» **Assigned task**
Report every line below that holds the word "IFCPOLYGONALFACESET".

Stored data: Begin

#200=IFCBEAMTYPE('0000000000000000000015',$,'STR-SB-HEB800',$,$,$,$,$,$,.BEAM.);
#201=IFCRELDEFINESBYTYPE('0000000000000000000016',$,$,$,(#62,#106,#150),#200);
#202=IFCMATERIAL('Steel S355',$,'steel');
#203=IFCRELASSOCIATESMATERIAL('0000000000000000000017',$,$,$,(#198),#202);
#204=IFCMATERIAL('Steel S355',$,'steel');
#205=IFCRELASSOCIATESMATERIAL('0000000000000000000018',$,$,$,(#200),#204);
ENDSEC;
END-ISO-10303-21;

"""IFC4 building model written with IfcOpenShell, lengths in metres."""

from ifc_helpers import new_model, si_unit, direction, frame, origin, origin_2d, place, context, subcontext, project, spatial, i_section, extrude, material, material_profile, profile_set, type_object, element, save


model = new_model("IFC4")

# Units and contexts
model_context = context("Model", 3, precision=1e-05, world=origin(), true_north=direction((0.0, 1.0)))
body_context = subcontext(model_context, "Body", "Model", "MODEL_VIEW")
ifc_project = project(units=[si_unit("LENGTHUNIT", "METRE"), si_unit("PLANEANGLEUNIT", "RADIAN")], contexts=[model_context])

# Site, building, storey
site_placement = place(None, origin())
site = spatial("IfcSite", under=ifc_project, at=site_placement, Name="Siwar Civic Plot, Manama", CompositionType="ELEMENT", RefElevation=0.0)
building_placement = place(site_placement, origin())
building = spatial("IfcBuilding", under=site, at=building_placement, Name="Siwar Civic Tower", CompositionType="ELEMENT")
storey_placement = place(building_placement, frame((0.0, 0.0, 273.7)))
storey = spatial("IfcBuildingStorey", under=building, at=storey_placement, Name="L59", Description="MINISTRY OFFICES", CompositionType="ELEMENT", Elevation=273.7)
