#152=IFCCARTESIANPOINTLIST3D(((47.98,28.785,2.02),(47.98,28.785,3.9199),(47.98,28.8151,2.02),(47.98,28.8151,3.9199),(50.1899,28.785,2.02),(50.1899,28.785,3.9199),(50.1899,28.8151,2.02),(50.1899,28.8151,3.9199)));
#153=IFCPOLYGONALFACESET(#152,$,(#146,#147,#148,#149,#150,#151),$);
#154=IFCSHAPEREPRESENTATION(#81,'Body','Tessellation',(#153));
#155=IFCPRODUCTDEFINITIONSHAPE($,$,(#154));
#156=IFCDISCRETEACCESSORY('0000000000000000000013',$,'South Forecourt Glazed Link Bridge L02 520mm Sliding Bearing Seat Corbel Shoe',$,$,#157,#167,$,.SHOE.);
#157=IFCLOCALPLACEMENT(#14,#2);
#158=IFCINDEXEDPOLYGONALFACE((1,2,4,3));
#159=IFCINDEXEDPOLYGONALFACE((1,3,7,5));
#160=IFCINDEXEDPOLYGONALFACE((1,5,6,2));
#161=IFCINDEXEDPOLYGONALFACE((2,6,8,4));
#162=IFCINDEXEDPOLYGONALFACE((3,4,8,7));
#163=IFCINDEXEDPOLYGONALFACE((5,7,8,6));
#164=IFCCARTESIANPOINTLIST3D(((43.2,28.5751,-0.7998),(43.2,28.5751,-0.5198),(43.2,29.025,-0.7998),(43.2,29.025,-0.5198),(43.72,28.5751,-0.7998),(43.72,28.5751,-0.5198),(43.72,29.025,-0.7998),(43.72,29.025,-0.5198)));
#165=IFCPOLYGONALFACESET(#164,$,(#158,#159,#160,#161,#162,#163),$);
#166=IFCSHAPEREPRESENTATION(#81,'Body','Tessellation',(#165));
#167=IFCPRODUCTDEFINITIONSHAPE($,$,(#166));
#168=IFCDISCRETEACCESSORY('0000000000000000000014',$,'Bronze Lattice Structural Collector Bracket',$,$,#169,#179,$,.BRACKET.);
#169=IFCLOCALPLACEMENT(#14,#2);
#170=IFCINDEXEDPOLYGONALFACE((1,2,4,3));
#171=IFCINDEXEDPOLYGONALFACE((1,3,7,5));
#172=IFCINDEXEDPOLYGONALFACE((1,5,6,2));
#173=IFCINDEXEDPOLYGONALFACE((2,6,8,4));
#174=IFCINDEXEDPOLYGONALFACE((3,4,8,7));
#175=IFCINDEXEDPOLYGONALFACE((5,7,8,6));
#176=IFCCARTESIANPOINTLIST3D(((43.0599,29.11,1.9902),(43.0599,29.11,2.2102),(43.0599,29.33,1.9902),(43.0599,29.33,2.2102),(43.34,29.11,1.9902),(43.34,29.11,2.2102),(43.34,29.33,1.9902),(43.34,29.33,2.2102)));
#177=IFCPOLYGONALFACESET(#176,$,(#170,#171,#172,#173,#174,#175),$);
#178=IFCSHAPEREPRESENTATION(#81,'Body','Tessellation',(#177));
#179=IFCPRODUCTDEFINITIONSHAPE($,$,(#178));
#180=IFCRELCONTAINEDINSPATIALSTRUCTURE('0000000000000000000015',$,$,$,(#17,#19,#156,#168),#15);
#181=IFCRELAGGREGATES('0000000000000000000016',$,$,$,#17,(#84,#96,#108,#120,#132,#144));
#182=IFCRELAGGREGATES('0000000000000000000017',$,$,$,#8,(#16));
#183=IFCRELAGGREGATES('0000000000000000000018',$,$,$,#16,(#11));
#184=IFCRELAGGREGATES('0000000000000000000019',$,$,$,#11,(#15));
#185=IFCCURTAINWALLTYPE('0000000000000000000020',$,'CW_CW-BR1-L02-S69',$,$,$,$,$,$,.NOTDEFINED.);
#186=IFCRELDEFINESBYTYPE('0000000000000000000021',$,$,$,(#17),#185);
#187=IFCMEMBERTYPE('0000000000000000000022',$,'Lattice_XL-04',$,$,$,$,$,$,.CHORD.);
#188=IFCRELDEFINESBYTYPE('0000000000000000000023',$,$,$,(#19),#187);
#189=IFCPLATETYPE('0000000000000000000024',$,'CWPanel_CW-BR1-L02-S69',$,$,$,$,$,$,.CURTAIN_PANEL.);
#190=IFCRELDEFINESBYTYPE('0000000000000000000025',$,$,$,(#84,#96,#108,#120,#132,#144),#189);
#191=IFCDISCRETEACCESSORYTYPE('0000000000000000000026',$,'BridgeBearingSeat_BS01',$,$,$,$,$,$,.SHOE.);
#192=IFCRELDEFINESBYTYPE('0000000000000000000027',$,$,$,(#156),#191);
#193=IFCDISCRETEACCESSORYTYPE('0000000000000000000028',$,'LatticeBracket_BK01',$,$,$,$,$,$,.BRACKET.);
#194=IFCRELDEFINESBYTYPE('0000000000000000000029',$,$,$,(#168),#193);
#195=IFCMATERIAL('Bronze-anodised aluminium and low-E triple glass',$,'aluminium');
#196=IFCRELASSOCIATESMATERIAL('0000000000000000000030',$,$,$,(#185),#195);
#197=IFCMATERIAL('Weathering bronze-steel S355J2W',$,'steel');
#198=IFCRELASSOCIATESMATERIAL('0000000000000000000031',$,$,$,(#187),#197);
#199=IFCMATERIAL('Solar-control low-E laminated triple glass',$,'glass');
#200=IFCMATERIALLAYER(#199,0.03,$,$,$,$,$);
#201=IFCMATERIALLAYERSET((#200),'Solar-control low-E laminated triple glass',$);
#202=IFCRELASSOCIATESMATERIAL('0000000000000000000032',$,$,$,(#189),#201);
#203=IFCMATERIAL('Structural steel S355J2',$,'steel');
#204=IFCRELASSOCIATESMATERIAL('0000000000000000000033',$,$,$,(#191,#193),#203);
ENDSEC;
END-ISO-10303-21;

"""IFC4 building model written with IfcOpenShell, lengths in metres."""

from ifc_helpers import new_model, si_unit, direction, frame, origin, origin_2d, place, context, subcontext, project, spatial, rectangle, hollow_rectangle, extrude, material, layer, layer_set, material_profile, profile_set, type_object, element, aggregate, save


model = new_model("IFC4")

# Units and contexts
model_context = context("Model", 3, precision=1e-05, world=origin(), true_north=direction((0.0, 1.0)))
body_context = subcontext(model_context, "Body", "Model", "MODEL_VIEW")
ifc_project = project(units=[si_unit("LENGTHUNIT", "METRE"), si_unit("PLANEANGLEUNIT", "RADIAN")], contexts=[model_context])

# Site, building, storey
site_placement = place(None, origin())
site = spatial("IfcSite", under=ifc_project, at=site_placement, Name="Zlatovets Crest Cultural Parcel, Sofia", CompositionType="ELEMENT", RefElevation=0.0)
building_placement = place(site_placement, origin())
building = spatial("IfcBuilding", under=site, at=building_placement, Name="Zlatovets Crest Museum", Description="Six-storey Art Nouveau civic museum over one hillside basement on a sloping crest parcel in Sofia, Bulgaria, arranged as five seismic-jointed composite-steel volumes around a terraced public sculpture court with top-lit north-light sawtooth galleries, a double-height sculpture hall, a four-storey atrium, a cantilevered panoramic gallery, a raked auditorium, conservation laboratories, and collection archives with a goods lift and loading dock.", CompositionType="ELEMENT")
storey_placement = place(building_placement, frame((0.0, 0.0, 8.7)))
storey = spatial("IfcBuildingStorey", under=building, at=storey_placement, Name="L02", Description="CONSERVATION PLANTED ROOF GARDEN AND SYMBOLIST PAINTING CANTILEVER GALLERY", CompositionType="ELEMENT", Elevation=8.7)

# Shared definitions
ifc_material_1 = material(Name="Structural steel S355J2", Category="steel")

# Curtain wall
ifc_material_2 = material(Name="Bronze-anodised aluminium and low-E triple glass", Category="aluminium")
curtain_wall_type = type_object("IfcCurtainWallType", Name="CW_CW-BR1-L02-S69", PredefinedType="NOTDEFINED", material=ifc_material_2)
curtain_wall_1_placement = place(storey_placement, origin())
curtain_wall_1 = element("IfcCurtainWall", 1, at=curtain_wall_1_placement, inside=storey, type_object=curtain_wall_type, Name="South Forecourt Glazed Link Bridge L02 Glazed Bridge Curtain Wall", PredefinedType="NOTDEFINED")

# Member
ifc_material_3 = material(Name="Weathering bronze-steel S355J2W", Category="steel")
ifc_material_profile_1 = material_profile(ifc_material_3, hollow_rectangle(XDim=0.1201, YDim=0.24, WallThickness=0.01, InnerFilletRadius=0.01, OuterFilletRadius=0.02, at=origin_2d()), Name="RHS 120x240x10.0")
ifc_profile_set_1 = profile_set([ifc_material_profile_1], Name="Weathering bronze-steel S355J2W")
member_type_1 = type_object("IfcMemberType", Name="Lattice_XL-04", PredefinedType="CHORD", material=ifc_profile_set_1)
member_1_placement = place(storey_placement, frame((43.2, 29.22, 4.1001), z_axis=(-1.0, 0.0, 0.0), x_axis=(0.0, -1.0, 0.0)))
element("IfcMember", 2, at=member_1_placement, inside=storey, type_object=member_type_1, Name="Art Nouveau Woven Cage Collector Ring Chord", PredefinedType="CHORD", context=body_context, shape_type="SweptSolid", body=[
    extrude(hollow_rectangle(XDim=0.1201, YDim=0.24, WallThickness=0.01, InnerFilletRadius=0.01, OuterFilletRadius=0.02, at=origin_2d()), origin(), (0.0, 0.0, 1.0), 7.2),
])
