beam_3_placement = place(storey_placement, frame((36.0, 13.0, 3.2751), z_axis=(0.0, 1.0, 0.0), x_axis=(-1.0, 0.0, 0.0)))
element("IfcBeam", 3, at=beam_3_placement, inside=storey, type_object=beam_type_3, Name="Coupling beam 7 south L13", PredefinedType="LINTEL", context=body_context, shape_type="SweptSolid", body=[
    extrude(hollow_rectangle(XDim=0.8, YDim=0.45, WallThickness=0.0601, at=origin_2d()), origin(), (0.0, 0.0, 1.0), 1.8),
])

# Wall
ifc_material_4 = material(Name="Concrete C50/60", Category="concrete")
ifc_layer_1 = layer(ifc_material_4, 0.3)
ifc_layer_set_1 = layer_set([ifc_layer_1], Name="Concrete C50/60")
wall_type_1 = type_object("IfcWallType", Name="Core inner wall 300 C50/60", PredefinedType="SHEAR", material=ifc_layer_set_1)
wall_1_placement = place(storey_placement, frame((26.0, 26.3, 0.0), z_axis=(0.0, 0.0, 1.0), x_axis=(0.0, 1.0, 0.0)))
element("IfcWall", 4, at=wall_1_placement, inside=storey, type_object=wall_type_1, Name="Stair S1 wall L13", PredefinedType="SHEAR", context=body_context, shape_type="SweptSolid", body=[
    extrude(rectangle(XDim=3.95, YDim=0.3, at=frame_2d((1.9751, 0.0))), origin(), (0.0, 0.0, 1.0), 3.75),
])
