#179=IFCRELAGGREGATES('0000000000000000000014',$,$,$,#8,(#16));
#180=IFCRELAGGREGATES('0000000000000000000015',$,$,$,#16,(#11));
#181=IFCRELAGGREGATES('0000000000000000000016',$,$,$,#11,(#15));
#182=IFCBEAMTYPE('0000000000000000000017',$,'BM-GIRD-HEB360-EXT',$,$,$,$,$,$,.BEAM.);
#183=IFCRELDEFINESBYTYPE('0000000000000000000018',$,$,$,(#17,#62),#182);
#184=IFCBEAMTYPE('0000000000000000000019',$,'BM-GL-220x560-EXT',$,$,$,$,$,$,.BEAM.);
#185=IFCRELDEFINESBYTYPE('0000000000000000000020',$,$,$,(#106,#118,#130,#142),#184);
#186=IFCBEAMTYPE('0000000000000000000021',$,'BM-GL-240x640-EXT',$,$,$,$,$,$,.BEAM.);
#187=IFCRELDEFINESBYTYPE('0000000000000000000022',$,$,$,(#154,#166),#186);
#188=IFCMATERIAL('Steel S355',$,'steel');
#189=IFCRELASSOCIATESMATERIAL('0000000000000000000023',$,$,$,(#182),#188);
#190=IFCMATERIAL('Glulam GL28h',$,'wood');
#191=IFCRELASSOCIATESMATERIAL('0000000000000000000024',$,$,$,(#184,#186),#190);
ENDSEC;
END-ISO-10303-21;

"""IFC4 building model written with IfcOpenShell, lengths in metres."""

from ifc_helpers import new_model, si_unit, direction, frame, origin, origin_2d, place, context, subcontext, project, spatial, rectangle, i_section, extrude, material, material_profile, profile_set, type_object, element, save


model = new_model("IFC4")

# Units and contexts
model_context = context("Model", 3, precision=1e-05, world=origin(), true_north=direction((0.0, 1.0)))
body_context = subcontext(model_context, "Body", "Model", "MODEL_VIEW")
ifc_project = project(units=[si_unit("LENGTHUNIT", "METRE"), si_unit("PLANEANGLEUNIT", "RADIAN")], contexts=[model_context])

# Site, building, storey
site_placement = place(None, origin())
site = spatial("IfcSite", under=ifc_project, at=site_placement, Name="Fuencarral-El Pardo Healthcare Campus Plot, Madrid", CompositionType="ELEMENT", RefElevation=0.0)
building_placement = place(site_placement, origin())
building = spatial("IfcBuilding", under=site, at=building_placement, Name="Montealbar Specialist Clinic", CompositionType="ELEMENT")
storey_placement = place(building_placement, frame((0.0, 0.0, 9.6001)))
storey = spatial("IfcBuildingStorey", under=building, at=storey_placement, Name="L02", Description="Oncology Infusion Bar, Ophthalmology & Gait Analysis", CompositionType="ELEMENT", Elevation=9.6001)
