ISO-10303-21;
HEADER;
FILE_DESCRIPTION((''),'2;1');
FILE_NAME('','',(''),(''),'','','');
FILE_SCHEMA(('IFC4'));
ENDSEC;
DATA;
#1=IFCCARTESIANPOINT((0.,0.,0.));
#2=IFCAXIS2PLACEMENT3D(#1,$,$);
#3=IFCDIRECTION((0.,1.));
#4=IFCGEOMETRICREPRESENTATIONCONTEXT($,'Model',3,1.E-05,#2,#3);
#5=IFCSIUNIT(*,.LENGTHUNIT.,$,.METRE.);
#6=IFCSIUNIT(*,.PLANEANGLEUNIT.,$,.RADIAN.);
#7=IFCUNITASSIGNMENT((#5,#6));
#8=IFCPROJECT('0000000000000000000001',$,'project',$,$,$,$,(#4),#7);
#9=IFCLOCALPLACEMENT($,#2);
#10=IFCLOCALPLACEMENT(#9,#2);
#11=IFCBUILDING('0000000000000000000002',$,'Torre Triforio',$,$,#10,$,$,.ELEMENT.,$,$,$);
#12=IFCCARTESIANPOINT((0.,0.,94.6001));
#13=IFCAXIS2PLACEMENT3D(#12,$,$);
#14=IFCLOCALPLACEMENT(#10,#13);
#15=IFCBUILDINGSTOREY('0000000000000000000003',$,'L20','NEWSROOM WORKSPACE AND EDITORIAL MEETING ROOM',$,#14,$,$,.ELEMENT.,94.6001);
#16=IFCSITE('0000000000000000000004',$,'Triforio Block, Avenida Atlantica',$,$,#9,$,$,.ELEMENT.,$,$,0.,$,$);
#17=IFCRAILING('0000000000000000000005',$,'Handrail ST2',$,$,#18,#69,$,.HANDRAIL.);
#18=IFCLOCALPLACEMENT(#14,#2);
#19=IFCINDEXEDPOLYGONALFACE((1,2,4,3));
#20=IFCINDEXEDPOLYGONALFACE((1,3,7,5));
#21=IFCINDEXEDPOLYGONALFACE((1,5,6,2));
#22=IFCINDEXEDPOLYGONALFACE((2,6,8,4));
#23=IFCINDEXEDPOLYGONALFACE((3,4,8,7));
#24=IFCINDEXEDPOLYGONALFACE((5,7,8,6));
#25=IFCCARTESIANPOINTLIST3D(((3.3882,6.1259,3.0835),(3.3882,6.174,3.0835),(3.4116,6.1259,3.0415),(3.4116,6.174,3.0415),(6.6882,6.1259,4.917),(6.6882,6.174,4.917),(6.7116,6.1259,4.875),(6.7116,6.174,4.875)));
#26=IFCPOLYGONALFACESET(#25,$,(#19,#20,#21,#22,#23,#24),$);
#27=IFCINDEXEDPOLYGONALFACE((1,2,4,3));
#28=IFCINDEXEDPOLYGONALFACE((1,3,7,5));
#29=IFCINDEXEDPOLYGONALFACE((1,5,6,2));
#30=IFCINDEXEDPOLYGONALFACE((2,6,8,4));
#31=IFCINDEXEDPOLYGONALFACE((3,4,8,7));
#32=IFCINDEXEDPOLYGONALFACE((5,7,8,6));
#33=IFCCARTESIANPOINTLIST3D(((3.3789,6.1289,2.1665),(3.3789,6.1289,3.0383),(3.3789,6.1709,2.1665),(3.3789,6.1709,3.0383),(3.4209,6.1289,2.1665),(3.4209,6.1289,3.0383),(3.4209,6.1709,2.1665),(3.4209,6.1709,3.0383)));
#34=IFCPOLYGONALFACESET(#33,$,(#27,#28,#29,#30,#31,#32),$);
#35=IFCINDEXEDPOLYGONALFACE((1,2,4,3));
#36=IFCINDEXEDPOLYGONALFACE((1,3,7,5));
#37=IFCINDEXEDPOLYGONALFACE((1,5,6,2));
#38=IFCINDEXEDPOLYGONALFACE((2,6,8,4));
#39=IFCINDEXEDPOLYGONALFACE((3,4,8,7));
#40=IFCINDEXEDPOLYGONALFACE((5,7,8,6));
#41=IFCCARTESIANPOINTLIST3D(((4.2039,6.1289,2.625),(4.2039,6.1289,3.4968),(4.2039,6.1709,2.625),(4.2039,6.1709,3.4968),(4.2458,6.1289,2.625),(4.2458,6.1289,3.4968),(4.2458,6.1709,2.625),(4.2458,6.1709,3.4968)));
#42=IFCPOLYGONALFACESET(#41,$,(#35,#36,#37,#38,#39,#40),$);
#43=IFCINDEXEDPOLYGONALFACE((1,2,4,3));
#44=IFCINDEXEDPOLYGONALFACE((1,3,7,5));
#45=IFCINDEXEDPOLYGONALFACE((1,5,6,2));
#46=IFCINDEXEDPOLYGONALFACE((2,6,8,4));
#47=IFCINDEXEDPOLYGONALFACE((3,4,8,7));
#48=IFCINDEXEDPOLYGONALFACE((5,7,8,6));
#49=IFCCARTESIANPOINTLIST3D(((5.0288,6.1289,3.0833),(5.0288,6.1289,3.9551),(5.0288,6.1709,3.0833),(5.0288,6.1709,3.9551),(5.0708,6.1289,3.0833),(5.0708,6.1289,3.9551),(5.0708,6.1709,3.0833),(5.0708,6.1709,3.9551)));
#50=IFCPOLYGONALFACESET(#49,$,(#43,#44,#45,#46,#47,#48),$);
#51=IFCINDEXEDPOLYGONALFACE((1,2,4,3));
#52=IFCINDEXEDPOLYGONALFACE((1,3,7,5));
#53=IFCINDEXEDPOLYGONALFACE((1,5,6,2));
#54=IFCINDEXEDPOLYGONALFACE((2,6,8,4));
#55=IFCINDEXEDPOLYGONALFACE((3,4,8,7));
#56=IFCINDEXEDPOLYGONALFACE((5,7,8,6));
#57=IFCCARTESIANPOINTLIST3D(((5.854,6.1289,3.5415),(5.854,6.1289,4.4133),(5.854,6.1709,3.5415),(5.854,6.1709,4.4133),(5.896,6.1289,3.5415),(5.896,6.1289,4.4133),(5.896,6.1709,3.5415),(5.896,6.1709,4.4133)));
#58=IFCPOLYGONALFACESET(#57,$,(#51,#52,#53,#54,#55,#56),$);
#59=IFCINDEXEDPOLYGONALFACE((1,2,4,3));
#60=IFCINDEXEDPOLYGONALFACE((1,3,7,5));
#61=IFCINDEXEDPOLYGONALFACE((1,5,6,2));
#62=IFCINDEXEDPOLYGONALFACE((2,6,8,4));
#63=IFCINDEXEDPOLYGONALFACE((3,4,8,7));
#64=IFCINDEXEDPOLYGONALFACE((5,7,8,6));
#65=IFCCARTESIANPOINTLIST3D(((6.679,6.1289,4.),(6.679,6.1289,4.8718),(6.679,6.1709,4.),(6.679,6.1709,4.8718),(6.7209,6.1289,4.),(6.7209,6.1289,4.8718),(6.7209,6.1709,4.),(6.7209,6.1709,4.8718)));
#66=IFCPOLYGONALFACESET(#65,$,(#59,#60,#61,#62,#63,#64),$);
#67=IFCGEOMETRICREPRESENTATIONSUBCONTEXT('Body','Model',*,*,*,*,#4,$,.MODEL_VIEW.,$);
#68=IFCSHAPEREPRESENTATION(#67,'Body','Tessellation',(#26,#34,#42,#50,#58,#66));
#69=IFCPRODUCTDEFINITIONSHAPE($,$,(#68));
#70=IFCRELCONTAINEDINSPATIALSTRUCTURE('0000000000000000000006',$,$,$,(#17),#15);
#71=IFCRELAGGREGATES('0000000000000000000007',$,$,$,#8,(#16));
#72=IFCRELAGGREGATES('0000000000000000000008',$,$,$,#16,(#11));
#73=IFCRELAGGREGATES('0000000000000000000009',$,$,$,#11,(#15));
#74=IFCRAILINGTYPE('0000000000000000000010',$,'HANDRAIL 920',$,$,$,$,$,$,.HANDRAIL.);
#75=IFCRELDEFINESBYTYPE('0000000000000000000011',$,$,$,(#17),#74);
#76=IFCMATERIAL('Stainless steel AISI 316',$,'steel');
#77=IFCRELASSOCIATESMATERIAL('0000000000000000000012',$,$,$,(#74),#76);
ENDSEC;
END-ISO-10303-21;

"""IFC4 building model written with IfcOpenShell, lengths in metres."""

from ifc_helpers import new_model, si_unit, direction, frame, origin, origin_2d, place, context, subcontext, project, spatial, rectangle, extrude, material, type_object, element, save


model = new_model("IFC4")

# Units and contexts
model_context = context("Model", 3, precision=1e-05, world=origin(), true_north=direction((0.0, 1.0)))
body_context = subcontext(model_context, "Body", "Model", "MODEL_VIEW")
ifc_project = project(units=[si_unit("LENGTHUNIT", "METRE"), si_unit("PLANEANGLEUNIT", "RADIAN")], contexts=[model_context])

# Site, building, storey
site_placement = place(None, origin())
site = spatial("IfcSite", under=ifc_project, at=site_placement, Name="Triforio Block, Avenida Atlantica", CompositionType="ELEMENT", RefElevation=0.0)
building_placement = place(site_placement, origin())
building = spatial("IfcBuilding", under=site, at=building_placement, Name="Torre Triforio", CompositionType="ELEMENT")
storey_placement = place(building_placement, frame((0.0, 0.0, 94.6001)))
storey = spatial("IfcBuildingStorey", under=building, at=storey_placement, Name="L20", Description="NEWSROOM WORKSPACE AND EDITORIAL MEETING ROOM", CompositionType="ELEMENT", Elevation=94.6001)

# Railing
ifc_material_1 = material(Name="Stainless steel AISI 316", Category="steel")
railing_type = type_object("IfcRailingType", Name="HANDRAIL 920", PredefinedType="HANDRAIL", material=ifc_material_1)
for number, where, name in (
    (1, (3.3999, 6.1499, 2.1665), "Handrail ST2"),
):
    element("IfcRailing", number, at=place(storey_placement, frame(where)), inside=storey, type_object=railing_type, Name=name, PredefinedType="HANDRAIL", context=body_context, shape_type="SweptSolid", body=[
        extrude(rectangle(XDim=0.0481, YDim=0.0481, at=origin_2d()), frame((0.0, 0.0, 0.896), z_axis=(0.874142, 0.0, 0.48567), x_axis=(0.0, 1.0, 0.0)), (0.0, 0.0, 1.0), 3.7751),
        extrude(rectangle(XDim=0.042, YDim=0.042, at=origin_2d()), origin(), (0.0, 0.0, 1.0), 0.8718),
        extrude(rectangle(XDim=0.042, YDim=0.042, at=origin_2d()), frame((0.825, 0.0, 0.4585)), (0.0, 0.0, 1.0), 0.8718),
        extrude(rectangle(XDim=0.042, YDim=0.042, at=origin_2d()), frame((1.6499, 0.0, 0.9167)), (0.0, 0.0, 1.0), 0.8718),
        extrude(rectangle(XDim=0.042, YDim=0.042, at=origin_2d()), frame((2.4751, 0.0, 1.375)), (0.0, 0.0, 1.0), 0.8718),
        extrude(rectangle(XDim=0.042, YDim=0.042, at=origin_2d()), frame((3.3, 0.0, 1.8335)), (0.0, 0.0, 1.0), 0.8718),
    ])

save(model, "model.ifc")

Stored data: End

» **Written answer**
#153=IFCPOLYGONALFACESET(#152,$,(#146,#147,#148,#149,#150,#151),$);
#165=IFCPOLYGONALFACESET(#164,$,(#158,#159,#160,#161,#162,#163),$);
#177=IFCPOLYGONALFACESET(#176,$,(#170,#171,#172,#173,#174,#175),$);
#26=IFCPOLYGONALFACESET(#25,$,(#19,#20,#21,#22,#23,#24),$);
#34=IFCPOLYGONALFACESET(#33,$,(#27,#28,#29,#30,#31,#32),$);
#42=IFCPOLYGONALFACESET(#41,$,(#35,#36,#37,#38,#39,#40),$);
#50=IFCPOLYGONALFACESET(#49,$,(#43,#44,#45,#46,#47,#48),$);
#58=IFCPOLYGONALFACESET(#57,$,(#51,#52,#53,#54,#55,#56),$);
#66=IFCPOLYGONALFACESET(#65,$,(#59,#60,#61,#62,#63,#64),$);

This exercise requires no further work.